* What to do *
Up to and including the line containing "#122=IFCINDEXEDPOLYGONALFACE((3,4,16,15));", set down each line of the entries below exactly, starting from the first, and leave out the rest.

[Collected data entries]
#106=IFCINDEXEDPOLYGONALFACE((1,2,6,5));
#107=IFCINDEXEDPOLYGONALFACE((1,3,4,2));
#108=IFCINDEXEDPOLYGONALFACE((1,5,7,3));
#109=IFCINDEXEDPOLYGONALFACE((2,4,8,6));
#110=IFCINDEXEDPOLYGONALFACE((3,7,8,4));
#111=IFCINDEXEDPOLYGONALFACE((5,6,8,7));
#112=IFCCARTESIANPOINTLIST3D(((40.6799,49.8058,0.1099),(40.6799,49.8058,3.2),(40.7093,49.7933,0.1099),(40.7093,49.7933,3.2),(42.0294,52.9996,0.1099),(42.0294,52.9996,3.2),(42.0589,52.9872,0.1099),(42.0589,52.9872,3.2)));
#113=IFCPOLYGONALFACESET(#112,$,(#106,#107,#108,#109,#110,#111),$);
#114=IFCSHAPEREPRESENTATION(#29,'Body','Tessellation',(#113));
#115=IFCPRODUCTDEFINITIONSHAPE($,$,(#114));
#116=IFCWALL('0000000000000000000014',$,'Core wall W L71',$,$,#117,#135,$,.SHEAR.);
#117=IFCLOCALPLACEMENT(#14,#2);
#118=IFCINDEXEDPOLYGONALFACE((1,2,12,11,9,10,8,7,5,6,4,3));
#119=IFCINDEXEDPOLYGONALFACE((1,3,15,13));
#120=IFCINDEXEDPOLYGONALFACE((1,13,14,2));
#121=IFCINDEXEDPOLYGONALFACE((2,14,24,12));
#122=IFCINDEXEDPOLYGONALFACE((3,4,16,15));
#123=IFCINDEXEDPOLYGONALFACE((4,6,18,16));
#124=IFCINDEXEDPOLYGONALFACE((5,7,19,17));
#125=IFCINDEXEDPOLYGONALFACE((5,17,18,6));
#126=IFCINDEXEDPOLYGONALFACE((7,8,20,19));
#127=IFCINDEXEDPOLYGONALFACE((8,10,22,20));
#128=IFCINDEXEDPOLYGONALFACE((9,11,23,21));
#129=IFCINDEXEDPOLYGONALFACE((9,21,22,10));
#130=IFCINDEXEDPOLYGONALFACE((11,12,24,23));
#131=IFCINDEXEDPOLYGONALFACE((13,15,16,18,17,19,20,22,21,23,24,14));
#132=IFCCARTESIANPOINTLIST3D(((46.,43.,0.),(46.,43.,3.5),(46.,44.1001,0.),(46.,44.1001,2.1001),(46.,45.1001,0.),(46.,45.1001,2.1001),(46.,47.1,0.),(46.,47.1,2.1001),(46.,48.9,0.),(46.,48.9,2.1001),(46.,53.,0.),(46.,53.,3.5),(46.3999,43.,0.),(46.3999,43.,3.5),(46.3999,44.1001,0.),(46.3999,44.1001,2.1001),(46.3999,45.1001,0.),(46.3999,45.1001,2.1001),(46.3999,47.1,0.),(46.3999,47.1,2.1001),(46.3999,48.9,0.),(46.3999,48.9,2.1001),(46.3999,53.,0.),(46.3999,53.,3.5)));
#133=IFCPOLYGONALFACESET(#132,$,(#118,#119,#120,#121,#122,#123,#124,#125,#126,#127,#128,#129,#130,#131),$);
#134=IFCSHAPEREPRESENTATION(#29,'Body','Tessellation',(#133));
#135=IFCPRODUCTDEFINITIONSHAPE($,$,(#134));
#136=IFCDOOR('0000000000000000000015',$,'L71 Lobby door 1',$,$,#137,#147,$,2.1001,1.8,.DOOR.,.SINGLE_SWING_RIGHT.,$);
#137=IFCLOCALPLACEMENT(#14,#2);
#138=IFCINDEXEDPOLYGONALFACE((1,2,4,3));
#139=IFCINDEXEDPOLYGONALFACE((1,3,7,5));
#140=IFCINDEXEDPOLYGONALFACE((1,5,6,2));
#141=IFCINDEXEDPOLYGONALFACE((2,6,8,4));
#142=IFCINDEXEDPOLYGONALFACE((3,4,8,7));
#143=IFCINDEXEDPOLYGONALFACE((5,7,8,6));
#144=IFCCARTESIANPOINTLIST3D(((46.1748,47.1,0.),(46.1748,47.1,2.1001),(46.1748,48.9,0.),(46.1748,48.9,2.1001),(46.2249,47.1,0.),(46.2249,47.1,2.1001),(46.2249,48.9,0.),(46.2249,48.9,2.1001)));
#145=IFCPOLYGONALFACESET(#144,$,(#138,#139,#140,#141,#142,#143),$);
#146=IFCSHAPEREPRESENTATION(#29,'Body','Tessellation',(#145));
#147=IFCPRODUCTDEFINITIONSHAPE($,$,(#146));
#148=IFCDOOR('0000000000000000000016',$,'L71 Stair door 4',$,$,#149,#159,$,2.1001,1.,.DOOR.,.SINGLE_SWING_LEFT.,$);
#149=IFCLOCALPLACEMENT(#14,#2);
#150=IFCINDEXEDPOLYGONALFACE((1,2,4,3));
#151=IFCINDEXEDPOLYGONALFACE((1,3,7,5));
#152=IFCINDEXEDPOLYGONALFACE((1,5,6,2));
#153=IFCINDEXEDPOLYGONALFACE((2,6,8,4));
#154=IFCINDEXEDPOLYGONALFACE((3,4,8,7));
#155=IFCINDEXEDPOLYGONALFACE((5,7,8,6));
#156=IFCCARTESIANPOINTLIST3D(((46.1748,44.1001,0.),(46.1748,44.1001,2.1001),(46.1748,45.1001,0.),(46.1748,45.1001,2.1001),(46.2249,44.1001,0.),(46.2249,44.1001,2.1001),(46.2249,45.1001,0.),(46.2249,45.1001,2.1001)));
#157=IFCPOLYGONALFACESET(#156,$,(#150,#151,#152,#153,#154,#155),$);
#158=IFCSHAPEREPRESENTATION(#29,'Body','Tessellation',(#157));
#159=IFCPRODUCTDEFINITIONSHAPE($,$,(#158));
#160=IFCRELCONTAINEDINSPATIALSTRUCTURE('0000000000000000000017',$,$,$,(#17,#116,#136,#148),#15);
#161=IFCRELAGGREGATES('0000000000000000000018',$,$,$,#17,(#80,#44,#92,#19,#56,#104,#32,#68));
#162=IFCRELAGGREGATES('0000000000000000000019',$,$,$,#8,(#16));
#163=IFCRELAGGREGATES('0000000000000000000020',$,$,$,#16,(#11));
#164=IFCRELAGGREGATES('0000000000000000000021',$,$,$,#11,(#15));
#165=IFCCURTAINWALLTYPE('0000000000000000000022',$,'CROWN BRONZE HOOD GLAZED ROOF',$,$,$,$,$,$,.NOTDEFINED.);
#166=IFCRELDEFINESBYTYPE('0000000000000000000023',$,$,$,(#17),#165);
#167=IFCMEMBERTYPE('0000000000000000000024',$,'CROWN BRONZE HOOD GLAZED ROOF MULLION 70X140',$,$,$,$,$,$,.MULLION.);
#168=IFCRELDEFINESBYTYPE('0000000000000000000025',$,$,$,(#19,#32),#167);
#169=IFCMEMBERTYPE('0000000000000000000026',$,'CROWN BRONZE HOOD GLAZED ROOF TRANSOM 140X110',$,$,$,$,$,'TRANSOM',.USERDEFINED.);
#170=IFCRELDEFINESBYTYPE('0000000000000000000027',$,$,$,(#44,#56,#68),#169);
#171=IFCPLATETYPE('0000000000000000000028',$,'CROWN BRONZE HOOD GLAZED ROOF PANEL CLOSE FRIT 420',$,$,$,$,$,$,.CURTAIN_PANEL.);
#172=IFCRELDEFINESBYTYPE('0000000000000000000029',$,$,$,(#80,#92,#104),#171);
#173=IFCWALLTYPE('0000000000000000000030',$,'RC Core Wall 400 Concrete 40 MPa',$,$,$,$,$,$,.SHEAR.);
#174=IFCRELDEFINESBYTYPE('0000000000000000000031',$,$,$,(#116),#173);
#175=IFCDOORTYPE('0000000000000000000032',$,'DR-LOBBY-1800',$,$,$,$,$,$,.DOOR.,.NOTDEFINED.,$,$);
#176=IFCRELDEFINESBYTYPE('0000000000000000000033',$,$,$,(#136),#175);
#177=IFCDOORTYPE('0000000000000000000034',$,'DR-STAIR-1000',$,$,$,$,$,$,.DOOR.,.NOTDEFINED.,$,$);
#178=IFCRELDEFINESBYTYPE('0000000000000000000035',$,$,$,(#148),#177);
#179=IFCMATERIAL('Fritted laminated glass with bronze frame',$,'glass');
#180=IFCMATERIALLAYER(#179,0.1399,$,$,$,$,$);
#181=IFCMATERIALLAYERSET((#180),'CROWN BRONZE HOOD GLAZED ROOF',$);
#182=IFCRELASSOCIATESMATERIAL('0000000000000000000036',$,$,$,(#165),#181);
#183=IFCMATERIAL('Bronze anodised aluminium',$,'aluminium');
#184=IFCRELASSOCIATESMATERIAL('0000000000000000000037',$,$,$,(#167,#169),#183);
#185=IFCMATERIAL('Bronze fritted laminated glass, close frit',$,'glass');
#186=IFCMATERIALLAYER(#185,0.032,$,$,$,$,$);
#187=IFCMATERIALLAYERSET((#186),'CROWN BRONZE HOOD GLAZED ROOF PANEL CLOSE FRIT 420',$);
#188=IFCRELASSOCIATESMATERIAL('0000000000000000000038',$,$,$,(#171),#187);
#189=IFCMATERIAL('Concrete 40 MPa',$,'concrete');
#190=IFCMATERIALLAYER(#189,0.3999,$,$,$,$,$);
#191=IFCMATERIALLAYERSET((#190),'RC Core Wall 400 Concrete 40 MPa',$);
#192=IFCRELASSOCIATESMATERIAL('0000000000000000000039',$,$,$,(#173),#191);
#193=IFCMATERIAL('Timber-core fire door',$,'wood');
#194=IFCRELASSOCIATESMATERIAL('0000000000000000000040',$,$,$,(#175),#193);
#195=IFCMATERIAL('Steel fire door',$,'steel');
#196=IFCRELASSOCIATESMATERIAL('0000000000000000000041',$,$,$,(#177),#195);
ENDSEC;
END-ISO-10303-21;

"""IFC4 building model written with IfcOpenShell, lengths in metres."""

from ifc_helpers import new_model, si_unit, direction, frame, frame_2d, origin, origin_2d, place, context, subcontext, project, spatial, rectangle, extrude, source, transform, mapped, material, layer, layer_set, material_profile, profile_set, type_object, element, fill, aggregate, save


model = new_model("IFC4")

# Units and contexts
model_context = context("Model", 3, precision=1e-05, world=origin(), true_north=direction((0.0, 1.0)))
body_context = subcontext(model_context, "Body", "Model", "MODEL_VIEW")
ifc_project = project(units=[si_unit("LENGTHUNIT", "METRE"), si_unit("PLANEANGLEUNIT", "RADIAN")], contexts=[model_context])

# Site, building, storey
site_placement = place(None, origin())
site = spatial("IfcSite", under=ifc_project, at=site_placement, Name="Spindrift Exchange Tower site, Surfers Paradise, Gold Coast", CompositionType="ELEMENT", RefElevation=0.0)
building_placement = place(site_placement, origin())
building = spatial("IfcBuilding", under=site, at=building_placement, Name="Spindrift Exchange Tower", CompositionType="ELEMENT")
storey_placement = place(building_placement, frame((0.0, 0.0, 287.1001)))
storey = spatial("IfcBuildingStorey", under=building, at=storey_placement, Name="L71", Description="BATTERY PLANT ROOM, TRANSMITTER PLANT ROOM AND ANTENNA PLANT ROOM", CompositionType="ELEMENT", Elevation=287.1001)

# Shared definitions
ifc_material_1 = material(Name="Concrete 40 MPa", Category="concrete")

* Completed task *
#106=IFCINDEXEDPOLYGONALFACE((1,2,6,5));
#107=IFCINDEXEDPOLYGONALFACE((1,3,4,2));
#108=IFCINDEXEDPOLYGONALFACE((1,5,7,3));
#109=IFCINDEXEDPOLYGONALFACE((2,4,8,6));
#110=IFCINDEXEDPOLYGONALFACE((3,7,8,4));
#111=IFCINDEXEDPOLYGONALFACE((5,6,8,7));
#112=IFCCARTESIANPOINTLIST3D(((40.6799,49.8058,0.1099),(40.6799,49.8058,3.2),(40.7093,49.7933,0.1099),(40.7093,49.7933,3.2),(42.0294,52.9996,0.1099),(42.0294,52.9996,3.2),(42.0589,52.9872,0.1099),(42.0589,52.9872,3.2)));
#113=IFCPOLYGONALFACESET(#112,$,(#106,#107,#108,#109,#110,#111),$);
#114=IFCSHAPEREPRESENTATION(#29,'Body','Tessellation',(#113));
#115=IFCPRODUCTDEFINITIONSHAPE($,$,(#114));
#116=IFCWALL('0000000000000000000014',$,'Core wall W L71',$,$,#117,#135,$,.SHEAR.);
#117=IFCLOCALPLACEMENT(#14,#2);
#118=IFCINDEXEDPOLYGONALFACE((1,2,12,11,9,10,8,7,5,6,4,3));
#119=IFCINDEXEDPOLYGONALFACE((1,3,15,13));
#120=IFCINDEXEDPOLYGONALFACE((1,13,14,2));
#121=IFCINDEXEDPOLYGONALFACE((2,14,24,12));
#122=IFCINDEXEDPOLYGONALFACE((3,4,16,15));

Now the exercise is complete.